- **Your instructions**
Check each line of the material below for the string "TRANSOM", then report how many lines have it, and nothing else.

- **Records shown**
Start of Block
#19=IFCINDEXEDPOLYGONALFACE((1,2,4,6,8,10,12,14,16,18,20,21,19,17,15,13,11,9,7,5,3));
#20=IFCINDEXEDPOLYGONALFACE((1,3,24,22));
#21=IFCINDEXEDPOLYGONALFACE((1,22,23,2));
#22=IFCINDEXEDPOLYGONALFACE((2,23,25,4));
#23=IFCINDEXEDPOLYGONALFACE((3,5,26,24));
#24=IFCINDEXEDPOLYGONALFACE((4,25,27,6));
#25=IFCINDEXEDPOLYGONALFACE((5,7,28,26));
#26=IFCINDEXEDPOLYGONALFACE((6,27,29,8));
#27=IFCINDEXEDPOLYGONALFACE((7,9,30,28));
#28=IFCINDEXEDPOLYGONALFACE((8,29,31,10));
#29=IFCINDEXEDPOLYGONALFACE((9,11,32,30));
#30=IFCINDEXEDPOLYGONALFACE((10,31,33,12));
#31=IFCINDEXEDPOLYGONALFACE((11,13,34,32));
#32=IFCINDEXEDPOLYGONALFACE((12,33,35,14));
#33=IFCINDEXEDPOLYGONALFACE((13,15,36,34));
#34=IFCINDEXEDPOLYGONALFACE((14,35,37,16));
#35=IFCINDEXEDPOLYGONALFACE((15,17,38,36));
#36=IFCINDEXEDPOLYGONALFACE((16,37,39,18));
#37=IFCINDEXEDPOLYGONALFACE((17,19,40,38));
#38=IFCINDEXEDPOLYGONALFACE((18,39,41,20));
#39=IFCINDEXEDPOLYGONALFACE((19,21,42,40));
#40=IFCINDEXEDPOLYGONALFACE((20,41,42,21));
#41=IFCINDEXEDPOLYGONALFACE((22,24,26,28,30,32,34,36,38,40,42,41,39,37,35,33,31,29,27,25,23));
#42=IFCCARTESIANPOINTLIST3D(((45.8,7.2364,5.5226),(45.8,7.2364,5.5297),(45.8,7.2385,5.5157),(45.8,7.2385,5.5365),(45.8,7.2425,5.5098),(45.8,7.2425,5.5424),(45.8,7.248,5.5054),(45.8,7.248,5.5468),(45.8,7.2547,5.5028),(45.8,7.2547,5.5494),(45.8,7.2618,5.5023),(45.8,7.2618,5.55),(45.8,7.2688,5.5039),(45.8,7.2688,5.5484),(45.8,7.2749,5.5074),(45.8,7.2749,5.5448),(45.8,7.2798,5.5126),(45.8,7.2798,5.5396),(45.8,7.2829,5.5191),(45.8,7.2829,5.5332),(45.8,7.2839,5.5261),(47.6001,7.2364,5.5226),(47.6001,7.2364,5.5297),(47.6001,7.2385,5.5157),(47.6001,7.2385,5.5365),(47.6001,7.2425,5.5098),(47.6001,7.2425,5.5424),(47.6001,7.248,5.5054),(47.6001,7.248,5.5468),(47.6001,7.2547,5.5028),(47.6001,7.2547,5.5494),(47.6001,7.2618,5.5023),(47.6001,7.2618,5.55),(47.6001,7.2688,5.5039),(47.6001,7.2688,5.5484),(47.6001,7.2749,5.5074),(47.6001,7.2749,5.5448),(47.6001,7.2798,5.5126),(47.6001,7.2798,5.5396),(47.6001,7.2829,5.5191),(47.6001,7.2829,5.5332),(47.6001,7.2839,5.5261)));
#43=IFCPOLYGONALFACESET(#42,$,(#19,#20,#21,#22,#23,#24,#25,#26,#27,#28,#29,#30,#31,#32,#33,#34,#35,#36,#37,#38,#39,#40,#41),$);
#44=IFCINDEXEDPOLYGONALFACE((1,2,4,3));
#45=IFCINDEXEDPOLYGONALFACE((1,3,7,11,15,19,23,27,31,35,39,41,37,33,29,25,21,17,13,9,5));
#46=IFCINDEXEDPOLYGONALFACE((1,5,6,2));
End of Block
Start of Block
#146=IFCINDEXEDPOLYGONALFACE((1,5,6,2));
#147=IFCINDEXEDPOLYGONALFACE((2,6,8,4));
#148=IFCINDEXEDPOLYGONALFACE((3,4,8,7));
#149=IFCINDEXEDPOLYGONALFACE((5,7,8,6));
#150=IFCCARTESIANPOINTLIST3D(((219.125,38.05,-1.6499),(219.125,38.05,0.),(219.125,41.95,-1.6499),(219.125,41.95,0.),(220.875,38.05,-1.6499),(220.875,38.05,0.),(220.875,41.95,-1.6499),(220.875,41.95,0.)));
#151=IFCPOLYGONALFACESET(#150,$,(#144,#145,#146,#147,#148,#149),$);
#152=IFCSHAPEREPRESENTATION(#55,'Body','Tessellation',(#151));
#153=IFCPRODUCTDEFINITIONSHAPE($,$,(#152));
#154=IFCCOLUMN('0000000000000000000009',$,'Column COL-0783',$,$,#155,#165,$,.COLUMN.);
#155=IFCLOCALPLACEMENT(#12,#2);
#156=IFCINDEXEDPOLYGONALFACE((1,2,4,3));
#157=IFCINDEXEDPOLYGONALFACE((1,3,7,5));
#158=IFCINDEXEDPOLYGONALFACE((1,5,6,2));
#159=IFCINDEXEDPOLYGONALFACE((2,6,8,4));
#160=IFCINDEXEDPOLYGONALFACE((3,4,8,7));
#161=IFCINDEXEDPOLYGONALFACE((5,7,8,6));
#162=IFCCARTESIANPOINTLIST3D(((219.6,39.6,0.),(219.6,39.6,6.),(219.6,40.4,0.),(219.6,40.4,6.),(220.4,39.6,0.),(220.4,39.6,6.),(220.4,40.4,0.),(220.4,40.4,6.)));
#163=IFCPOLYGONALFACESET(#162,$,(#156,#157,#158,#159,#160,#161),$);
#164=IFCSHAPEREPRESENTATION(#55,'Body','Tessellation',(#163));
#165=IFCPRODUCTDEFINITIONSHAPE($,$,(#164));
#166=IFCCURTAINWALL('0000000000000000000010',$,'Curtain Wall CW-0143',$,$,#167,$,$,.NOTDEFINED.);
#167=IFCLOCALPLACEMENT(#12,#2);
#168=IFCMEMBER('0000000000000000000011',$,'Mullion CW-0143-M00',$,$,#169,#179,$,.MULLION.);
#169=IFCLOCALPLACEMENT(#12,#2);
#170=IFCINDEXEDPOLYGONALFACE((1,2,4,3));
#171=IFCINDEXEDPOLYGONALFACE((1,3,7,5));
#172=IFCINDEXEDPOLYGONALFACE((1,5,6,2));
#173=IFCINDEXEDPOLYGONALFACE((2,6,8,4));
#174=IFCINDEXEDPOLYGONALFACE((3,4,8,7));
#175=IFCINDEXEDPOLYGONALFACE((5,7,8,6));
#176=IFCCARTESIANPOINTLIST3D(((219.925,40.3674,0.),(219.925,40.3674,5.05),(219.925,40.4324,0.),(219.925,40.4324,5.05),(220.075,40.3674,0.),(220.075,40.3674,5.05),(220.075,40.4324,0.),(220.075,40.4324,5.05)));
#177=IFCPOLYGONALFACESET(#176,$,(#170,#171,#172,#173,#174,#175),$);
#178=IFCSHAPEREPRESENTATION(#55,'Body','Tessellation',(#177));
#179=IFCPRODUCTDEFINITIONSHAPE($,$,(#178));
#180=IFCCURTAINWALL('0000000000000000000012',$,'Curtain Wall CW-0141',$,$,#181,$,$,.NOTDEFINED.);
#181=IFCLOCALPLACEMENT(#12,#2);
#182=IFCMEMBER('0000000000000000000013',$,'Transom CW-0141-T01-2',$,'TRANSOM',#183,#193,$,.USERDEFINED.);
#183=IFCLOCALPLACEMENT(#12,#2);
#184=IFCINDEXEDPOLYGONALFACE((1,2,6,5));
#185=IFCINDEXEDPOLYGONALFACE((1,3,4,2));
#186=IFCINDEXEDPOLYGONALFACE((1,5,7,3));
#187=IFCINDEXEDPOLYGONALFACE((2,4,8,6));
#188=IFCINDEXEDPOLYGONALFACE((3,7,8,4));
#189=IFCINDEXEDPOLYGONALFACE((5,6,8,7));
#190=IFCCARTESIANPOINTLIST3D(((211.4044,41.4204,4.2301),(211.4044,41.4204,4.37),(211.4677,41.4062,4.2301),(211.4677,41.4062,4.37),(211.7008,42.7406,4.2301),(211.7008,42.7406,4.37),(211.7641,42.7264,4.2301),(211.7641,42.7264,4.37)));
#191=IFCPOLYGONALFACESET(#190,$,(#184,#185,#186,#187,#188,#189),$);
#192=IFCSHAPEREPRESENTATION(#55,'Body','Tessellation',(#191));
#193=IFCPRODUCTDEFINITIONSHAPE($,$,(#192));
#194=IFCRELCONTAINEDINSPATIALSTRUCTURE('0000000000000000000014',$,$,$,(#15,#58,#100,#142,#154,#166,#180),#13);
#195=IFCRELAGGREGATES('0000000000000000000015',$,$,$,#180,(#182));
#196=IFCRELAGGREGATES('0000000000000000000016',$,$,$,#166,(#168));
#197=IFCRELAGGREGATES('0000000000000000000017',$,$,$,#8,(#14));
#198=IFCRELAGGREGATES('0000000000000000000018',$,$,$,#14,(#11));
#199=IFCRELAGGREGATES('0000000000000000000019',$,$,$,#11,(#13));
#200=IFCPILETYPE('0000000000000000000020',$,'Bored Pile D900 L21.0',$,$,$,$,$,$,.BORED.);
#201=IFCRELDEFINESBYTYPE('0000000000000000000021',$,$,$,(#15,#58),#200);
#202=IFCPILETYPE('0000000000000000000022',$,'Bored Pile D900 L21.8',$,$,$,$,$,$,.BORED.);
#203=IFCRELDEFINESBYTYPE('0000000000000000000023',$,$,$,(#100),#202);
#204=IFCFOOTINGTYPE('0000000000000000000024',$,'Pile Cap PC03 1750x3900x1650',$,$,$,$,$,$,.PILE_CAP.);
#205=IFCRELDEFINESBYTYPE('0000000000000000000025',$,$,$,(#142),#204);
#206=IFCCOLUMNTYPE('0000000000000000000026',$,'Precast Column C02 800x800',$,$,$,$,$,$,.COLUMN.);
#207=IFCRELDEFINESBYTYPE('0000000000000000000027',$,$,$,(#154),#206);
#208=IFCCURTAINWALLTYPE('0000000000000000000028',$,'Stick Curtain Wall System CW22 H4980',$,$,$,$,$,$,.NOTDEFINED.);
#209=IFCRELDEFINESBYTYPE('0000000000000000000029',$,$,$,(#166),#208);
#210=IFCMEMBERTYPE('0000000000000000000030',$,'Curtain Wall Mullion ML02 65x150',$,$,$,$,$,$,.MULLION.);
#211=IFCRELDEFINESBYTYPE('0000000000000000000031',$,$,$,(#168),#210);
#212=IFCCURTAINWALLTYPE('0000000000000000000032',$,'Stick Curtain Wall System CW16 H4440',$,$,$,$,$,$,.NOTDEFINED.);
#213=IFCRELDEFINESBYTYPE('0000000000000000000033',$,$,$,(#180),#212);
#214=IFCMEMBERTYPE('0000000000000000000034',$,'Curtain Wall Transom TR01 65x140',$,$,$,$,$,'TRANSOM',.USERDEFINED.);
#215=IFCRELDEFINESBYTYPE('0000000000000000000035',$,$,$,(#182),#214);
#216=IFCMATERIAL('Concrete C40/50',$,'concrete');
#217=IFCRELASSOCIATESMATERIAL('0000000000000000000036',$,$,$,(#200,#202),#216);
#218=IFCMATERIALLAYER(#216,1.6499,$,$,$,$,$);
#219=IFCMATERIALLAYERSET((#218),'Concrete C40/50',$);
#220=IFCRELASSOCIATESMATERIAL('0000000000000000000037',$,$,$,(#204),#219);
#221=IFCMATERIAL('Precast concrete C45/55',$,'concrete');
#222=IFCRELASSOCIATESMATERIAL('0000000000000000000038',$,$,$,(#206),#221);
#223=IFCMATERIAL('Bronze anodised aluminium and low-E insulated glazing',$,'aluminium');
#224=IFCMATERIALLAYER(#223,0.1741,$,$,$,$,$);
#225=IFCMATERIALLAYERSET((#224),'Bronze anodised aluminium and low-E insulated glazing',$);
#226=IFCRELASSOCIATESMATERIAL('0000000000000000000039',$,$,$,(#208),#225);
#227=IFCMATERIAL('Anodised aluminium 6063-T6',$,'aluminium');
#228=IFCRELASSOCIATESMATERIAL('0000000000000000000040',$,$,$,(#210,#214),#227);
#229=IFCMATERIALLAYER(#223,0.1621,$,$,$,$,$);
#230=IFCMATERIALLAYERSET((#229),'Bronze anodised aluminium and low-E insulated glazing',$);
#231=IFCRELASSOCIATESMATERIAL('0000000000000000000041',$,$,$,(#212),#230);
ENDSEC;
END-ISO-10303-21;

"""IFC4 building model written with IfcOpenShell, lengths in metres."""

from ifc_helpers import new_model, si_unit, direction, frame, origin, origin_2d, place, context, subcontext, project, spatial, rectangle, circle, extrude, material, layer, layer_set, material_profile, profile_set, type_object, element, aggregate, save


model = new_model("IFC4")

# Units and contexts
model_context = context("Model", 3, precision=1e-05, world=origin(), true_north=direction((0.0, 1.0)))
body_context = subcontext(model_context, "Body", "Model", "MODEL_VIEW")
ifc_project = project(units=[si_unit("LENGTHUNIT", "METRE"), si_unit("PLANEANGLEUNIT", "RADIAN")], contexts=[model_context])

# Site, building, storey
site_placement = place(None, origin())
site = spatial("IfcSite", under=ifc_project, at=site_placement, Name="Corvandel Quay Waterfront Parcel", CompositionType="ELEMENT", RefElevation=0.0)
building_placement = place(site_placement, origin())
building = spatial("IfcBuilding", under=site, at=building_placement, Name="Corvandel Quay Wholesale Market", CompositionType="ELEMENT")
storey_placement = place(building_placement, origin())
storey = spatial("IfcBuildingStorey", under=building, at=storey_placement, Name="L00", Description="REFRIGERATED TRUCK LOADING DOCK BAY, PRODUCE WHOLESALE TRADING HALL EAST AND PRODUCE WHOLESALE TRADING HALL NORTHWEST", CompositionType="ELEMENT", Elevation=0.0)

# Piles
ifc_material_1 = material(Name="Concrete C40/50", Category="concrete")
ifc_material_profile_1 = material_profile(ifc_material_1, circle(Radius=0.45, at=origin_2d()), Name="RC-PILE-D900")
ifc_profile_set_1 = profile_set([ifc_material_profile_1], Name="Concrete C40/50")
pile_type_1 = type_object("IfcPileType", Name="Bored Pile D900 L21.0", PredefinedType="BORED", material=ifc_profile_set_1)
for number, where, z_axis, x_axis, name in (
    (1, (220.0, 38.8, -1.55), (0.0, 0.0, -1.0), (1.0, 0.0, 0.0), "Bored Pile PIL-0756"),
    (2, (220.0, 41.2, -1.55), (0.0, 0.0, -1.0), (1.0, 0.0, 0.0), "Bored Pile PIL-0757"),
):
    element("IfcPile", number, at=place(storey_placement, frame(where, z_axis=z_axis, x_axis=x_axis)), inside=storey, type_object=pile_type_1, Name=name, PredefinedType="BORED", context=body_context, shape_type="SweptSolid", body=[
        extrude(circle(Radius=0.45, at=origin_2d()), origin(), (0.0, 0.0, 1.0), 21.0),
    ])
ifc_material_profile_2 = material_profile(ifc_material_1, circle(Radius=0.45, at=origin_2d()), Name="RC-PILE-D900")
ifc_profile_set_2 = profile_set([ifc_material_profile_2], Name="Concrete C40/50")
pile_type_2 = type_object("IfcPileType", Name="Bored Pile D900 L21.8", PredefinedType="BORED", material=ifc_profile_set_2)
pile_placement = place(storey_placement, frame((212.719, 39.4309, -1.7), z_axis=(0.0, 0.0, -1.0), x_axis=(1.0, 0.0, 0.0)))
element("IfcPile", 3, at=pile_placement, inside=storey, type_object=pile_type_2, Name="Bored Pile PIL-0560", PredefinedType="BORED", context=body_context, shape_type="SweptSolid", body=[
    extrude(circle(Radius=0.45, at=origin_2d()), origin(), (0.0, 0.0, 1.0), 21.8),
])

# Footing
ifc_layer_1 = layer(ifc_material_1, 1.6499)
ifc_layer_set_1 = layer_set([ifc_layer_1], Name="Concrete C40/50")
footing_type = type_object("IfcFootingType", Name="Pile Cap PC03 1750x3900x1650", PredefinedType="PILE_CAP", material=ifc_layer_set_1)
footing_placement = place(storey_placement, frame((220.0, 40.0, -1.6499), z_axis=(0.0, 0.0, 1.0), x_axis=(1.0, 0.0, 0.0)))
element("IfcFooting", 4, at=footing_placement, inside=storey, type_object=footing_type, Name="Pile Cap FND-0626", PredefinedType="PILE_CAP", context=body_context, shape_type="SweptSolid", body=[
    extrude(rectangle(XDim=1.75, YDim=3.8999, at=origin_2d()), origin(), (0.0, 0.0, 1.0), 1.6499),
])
End of Block
- **Answer box**
2